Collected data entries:

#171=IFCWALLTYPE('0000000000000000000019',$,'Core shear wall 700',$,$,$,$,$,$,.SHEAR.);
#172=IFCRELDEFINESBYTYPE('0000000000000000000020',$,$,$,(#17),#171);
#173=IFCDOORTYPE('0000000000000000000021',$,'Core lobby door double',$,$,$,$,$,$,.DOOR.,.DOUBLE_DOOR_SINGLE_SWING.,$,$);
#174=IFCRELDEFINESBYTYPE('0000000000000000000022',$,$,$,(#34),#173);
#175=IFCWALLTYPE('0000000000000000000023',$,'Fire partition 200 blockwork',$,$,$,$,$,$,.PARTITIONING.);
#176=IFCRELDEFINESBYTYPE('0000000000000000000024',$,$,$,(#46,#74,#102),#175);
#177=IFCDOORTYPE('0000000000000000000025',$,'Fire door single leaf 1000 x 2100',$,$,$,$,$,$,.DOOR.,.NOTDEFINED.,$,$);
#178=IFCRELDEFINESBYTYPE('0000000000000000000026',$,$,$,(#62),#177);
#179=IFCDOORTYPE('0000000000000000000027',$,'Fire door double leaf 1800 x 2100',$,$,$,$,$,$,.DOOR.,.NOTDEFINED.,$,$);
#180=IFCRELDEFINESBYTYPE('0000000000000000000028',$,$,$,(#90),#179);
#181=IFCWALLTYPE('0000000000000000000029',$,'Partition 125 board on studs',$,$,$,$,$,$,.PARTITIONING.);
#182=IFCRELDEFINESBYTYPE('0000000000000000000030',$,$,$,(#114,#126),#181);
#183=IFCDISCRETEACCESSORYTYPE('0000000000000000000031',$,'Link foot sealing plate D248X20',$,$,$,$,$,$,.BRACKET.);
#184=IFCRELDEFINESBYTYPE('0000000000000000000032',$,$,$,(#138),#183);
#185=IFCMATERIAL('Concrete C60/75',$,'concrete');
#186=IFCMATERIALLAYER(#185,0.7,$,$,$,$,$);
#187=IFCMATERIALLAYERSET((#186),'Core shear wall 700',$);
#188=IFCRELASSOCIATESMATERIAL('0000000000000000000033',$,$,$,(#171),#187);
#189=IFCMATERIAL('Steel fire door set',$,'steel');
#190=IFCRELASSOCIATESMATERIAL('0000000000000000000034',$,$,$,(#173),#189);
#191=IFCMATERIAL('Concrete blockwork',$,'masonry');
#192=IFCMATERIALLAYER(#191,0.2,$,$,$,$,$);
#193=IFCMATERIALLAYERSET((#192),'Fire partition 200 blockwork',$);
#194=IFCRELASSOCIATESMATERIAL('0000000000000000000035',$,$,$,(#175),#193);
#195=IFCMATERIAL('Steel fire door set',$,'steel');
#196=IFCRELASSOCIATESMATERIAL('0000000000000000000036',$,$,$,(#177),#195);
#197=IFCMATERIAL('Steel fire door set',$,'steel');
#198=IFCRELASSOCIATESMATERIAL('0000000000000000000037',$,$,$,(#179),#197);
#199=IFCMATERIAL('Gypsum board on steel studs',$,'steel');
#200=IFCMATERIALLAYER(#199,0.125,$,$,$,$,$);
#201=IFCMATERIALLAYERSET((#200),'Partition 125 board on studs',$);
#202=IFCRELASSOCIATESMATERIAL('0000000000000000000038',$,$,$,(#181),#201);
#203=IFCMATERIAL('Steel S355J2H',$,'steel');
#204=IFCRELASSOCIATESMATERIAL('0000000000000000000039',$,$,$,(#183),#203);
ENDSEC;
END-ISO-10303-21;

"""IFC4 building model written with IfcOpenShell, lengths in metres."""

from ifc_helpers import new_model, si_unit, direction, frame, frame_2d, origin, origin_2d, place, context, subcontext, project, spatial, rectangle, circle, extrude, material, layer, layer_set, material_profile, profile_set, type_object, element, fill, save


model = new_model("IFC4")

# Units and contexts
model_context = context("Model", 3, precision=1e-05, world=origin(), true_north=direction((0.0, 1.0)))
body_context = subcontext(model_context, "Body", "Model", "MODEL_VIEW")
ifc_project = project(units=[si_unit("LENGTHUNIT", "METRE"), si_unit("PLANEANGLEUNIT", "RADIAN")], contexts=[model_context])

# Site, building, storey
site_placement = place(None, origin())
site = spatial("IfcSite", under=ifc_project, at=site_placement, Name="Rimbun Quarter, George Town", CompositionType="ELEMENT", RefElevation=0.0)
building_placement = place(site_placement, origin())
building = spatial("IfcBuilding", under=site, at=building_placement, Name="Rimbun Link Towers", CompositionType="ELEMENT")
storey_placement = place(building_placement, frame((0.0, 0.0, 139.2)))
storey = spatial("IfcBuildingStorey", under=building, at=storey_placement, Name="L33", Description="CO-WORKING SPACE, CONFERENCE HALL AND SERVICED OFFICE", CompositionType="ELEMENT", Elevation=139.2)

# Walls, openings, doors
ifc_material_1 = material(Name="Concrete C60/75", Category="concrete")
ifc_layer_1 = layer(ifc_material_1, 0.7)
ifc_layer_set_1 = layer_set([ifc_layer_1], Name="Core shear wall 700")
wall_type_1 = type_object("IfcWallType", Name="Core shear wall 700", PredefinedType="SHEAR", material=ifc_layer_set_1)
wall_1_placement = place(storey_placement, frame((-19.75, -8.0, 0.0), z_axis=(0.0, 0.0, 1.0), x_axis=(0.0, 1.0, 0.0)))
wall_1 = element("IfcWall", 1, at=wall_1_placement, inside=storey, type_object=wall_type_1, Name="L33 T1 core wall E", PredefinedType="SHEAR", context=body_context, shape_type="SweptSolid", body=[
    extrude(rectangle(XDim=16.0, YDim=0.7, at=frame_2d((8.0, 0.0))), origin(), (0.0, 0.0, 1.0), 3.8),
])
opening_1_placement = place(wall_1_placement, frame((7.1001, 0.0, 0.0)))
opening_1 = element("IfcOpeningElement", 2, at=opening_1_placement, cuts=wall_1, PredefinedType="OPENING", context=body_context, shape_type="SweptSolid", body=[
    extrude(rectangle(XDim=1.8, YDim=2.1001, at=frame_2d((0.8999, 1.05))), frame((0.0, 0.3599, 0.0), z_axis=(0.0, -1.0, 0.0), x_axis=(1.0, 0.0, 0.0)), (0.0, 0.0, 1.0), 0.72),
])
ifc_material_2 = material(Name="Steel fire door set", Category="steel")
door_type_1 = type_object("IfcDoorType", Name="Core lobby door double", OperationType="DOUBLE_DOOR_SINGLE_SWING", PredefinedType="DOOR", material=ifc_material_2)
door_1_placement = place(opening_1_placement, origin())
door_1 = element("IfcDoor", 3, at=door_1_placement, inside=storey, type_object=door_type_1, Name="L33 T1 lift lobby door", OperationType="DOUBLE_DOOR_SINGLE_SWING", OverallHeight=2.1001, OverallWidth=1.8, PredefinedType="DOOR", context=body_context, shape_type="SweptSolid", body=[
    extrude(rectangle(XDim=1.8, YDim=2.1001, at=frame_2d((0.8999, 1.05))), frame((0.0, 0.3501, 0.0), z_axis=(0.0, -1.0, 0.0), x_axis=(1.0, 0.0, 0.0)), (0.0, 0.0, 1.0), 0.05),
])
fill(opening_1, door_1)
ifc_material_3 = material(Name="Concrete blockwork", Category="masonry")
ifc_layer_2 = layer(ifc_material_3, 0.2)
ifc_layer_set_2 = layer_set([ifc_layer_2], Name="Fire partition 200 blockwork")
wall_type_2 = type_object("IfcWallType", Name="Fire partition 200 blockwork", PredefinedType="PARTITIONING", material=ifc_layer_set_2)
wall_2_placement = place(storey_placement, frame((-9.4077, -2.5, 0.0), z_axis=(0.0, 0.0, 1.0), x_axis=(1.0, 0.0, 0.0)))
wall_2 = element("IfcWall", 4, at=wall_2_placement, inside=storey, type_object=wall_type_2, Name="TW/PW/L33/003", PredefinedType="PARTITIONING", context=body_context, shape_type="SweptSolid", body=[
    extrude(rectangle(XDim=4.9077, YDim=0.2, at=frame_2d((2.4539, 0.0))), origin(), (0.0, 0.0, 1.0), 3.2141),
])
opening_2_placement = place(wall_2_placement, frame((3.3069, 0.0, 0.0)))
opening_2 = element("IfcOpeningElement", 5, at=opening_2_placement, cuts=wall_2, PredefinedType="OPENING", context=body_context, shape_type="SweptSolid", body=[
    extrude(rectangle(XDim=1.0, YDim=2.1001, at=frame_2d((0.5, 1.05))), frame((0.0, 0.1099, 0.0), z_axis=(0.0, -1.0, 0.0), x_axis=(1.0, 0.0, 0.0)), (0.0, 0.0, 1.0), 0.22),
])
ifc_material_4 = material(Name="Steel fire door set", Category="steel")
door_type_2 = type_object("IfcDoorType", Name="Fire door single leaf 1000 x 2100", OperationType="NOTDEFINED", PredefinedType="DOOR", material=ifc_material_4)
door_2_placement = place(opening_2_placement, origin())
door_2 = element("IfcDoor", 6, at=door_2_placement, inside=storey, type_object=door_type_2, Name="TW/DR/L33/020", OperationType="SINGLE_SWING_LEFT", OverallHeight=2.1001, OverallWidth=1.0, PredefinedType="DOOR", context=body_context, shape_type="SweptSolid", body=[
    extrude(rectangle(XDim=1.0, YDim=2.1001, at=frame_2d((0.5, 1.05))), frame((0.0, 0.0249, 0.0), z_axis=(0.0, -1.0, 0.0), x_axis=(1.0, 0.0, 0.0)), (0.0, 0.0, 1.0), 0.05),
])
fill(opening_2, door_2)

#### AIM OF THE EXERCISE:
Search the records for the word "IFCRELASSOCIATESMATERIAL" and return every line that holds it.

#### ANSWER TO THIS PROBLEM:
#188=IFCRELASSOCIATESMATERIAL('0000000000000000000033',$,$,$,(#171),#187);
#190=IFCRELASSOCIATESMATERIAL('0000000000000000000034',$,$,$,(#173),#189);
#194=IFCRELASSOCIATESMATERIAL('0000000000000000000035',$,$,$,(#175),#193);
#196=IFCRELASSOCIATESMATERIAL('0000000000000000000036',$,$,$,(#177),#195);
#198=IFCRELASSOCIATESMATERIAL('0000000000000000000037',$,$,$,(#179),#197);
#202=IFCRELASSOCIATESMATERIAL('0000000000000000000038',$,$,$,(#181),#201);
#204=IFCRELASSOCIATESMATERIAL('0000000000000000000039',$,$,$,(#183),#203);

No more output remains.